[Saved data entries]

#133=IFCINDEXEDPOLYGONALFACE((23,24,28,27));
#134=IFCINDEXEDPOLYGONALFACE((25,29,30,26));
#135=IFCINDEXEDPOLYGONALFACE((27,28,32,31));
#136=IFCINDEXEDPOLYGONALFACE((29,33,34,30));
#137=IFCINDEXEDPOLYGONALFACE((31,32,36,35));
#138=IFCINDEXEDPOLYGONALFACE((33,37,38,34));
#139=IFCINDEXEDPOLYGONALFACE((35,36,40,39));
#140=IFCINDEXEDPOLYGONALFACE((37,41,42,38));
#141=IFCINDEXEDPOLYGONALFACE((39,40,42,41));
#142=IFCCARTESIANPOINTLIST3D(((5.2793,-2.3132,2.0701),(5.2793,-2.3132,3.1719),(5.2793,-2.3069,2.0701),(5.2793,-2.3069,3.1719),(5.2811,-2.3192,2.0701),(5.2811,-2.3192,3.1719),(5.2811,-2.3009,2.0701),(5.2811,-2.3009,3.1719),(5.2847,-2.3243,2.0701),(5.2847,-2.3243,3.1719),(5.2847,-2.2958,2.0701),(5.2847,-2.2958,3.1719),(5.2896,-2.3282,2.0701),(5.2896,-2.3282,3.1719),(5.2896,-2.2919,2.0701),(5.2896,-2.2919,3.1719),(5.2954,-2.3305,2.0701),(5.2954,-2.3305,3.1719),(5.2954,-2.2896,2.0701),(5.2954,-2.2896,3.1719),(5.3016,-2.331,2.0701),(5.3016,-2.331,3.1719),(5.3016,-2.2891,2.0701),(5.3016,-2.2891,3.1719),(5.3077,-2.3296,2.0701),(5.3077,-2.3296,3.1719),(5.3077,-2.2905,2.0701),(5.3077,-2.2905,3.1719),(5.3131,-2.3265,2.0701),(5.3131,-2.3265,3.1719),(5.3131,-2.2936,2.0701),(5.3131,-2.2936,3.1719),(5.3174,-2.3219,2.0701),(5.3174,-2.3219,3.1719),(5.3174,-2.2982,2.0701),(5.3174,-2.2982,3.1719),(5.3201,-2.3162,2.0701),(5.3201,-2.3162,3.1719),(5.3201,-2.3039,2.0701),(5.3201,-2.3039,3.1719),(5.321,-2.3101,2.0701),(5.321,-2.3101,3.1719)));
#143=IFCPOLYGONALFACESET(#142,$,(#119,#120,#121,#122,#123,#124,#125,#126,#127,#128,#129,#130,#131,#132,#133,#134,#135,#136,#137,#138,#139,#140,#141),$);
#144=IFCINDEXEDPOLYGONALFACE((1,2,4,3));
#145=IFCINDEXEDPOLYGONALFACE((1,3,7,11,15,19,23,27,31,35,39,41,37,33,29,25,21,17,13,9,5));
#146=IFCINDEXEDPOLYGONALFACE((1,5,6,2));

### [HOW TO COMPLETE THIS TASK]
From the records above, transcribe exactly the run of lines that opens with the line holding "#140=IFCINDEXEDPOLYGONALFACE((37,41,42,38));" and closes with the line holding "#141=IFCINDEXEDPOLYGONALFACE((39,40,42,41));", both included.

### [ANSWER FOR THIS EXERCISE]
#140=IFCINDEXEDPOLYGONALFACE((37,41,42,38));
#141=IFCINDEXEDPOLYGONALFACE((39,40,42,41));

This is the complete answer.